**What is expected**
Please report how many lines of the listing hold the word "sides". Add nothing to the number.

**Record set**

══════════

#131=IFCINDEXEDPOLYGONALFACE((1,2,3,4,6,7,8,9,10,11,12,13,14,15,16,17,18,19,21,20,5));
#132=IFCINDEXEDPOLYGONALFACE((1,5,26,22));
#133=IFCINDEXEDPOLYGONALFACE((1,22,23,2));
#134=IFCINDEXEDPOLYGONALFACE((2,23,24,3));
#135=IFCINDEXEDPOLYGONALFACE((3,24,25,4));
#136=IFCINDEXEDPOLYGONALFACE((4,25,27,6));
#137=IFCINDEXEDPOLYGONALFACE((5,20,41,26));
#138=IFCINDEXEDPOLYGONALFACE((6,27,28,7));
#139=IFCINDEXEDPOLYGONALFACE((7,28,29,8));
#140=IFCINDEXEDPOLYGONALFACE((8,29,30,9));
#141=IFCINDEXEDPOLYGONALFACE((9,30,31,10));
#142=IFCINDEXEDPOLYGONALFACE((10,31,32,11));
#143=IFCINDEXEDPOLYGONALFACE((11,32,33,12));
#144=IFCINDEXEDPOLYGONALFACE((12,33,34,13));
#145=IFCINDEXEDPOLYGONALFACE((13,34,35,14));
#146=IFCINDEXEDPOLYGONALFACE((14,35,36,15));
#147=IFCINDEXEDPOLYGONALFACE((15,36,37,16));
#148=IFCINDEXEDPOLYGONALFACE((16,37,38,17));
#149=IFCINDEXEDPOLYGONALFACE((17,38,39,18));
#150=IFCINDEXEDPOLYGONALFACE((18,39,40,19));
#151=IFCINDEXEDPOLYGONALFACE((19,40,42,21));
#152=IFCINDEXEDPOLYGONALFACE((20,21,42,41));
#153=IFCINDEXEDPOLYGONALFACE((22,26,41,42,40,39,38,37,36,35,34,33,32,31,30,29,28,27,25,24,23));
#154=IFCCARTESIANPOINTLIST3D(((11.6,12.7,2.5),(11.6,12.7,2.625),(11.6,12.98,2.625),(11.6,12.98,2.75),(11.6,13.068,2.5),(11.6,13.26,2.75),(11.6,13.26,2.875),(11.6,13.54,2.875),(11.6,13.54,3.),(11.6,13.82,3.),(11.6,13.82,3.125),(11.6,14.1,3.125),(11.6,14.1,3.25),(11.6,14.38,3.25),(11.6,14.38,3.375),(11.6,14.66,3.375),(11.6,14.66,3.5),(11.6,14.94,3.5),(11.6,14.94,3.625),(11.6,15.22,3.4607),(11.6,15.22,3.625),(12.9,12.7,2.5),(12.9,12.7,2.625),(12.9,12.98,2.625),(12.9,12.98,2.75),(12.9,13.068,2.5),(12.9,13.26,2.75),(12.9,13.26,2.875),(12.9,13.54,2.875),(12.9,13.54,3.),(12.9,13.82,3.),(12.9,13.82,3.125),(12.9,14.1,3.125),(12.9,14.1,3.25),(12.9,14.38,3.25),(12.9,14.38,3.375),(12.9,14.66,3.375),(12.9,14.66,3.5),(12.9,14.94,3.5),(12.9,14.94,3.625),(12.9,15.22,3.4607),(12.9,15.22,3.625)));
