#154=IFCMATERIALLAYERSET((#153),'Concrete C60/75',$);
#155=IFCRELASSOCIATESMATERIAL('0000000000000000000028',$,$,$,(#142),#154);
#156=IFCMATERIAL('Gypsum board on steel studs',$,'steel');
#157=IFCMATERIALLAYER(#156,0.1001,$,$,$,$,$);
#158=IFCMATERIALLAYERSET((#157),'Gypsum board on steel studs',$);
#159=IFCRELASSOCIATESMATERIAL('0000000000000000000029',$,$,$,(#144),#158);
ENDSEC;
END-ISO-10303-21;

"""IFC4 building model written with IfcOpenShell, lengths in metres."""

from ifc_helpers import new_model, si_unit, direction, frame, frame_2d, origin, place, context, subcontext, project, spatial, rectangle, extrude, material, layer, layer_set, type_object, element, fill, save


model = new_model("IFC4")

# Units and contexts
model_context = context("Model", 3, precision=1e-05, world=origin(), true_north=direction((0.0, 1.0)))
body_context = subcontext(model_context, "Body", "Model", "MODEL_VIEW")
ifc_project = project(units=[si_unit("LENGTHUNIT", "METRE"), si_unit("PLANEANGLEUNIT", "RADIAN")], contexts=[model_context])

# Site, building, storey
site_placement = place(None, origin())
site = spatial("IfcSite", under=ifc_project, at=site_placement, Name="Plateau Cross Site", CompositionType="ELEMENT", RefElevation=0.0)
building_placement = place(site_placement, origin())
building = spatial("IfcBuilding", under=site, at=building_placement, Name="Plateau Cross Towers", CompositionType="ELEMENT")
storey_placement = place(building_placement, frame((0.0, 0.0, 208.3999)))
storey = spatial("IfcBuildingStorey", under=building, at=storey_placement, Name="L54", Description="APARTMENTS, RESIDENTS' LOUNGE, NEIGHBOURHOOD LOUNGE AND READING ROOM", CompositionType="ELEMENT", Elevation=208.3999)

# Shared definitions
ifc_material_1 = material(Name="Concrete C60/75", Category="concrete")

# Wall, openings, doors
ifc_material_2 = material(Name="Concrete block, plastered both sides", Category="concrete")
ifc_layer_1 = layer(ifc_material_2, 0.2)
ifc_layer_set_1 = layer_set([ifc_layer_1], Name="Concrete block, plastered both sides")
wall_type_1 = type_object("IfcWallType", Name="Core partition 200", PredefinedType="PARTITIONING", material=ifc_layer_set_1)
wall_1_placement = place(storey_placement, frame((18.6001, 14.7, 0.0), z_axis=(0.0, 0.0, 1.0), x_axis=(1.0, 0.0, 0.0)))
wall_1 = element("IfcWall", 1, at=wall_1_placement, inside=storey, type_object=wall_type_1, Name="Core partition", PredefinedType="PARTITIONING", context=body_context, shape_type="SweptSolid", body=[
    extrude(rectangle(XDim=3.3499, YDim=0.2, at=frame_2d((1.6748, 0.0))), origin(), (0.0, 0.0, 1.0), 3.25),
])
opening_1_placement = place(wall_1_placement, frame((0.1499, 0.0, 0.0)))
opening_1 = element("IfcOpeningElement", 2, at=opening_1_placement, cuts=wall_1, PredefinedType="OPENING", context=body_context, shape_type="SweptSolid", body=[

══════════

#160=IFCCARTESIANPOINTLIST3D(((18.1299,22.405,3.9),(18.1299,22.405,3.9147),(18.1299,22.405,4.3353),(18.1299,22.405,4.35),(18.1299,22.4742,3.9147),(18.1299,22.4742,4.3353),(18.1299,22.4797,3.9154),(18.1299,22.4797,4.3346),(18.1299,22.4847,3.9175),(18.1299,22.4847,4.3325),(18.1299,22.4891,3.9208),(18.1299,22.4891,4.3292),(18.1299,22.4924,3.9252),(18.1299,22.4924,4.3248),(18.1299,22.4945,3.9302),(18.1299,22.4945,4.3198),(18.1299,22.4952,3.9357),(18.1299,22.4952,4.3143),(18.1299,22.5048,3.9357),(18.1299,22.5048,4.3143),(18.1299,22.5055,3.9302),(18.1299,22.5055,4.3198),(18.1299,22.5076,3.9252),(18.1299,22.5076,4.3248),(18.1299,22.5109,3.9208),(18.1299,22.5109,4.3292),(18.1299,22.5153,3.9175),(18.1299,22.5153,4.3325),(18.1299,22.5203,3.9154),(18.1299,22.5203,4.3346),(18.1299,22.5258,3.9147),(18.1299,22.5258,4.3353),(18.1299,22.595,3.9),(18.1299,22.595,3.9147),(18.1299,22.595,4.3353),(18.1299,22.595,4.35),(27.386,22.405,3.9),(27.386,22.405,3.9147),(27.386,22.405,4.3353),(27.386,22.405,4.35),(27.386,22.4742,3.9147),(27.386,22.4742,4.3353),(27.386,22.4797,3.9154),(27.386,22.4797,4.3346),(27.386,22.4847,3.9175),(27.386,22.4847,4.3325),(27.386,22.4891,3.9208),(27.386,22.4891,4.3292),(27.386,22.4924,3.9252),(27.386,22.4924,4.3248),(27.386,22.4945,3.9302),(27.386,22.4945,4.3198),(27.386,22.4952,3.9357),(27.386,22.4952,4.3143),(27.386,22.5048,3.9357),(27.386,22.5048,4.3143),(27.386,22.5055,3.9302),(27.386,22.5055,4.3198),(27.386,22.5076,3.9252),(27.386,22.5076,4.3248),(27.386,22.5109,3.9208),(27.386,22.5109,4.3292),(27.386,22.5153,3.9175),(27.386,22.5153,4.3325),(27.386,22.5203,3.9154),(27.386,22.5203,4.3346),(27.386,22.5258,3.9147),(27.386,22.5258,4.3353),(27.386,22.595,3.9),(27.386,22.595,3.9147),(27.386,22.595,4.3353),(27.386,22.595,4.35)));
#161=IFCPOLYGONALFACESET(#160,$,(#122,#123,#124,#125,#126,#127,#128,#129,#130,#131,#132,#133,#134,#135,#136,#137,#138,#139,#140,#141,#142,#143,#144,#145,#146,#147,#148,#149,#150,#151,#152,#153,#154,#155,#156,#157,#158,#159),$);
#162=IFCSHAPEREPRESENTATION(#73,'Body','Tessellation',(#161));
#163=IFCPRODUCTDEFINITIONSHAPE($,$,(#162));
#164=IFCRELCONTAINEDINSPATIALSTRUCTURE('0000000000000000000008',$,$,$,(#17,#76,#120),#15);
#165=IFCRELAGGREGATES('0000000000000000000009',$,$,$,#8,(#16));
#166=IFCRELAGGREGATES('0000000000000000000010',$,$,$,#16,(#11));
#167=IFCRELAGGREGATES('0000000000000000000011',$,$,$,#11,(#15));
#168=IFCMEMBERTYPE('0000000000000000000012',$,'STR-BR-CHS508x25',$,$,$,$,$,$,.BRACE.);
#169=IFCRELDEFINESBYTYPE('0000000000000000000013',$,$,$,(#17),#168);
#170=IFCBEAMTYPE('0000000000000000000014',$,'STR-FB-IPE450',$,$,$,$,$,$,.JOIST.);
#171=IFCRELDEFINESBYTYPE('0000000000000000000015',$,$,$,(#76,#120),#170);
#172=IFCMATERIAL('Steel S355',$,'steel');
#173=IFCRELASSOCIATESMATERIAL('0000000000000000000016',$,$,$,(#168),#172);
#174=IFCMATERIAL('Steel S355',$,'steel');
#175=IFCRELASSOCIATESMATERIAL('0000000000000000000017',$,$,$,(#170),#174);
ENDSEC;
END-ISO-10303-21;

══════════

**Task result**
2